ASSIGNED TASK —
Find "#76=IFCINDEXEDPOLYGONALFACE((9,13,14,10));" and "#91=IFCINDEXEDPOLYGONALFACE((39,40,42,41));" in the records below. Copy the lines holding them and every line between, exactly, and no others.

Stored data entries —
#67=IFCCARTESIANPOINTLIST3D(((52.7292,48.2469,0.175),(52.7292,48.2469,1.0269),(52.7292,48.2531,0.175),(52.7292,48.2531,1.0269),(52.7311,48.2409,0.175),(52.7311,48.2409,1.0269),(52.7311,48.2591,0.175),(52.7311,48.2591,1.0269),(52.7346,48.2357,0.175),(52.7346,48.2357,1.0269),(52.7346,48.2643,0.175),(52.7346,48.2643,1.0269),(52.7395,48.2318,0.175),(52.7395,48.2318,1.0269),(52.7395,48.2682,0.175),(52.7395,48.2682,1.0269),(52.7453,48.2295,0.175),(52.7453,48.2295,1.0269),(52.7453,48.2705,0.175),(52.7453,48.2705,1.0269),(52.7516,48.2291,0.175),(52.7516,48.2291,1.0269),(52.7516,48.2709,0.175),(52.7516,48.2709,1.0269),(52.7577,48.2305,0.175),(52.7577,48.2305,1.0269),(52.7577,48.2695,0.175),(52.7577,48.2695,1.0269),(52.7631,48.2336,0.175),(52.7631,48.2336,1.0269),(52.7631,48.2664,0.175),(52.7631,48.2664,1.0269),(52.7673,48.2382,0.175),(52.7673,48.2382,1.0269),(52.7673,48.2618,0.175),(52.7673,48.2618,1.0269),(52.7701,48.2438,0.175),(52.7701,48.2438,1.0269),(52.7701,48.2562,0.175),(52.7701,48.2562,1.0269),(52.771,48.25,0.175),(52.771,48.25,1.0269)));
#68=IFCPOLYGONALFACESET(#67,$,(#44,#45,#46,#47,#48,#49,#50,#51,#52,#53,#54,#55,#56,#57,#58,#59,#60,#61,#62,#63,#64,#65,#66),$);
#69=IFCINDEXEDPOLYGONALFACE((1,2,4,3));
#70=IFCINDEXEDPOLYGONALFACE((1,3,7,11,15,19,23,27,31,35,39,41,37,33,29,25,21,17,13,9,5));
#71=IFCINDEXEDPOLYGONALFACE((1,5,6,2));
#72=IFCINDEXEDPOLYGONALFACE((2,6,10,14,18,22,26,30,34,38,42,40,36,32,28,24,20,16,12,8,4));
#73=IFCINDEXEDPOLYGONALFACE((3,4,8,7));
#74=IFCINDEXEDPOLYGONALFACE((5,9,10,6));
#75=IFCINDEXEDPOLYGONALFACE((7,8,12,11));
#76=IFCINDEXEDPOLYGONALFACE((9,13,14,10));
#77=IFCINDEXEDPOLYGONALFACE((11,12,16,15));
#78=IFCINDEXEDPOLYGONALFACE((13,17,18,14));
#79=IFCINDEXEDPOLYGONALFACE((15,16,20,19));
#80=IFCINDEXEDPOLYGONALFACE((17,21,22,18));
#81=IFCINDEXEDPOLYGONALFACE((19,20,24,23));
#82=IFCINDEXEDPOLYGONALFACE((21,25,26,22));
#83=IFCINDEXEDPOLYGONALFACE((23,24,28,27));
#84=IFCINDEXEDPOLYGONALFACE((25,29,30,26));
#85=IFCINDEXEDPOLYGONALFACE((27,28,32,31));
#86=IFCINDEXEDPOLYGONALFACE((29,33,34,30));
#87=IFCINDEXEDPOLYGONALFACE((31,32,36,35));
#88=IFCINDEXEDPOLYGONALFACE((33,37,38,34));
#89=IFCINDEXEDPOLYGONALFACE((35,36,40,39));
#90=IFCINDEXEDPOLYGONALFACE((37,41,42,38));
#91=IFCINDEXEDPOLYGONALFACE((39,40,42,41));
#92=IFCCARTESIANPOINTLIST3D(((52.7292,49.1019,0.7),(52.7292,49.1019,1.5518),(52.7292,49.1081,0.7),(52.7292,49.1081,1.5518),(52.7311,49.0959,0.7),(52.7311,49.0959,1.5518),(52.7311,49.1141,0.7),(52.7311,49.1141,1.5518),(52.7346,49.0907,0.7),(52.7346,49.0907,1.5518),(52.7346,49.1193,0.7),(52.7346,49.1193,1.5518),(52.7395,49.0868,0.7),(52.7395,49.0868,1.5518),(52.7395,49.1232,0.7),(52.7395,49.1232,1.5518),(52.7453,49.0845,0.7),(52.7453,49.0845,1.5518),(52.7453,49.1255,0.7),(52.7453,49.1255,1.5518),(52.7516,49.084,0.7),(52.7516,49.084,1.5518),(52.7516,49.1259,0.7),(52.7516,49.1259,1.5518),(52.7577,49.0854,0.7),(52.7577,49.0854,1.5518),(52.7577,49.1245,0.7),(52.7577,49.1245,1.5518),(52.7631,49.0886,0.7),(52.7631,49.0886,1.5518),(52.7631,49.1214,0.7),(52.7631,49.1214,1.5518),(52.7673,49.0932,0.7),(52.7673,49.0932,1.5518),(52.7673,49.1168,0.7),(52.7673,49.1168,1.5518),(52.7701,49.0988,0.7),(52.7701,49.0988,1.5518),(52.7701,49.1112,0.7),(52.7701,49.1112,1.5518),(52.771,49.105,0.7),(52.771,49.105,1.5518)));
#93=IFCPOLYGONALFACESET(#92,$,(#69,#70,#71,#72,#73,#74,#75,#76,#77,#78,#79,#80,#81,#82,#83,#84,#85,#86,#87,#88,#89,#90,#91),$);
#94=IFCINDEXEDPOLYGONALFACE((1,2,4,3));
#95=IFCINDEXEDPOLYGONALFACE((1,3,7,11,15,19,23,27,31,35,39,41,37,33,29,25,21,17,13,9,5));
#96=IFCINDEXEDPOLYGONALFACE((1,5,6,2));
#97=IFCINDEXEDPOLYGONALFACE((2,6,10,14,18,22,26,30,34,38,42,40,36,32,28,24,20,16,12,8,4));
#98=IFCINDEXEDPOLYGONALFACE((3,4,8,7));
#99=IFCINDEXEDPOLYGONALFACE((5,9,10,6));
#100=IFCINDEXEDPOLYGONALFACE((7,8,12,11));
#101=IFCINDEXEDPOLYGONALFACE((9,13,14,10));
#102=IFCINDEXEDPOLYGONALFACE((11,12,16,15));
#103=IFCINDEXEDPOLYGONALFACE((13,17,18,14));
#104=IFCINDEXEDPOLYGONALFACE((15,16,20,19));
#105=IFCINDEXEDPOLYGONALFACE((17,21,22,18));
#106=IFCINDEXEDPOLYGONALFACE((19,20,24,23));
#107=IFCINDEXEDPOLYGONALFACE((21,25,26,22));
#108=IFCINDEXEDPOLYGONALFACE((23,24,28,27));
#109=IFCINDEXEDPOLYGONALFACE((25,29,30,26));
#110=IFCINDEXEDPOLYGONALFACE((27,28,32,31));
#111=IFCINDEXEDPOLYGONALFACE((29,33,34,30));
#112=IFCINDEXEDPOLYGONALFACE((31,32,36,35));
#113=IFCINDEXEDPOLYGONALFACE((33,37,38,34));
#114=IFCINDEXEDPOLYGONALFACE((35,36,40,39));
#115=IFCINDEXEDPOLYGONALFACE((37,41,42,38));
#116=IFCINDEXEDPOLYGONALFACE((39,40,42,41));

EXERCISE RESULT —
#76=IFCINDEXEDPOLYGONALFACE((9,13,14,10));
#77=IFCINDEXEDPOLYGONALFACE((11,12,16,15));
#78=IFCINDEXEDPOLYGONALFACE((13,17,18,14));
#79=IFCINDEXEDPOLYGONALFACE((15,16,20,19));
#80=IFCINDEXEDPOLYGONALFACE((17,21,22,18));
#81=IFCINDEXEDPOLYGONALFACE((19,20,24,23));
#82=IFCINDEXEDPOLYGONALFACE((21,25,26,22));
#83=IFCINDEXEDPOLYGONALFACE((23,24,28,27));
#84=IFCINDEXEDPOLYGONALFACE((25,29,30,26));
#85=IFCINDEXEDPOLYGONALFACE((27,28,32,31));
#86=IFCINDEXEDPOLYGONALFACE((29,33,34,30));
#87=IFCINDEXEDPOLYGONALFACE((31,32,36,35));
#88=IFCINDEXEDPOLYGONALFACE((33,37,38,34));
#89=IFCINDEXEDPOLYGONALFACE((35,36,40,39));
#90=IFCINDEXEDPOLYGONALFACE((37,41,42,38));
#91=IFCINDEXEDPOLYGONALFACE((39,40,42,41));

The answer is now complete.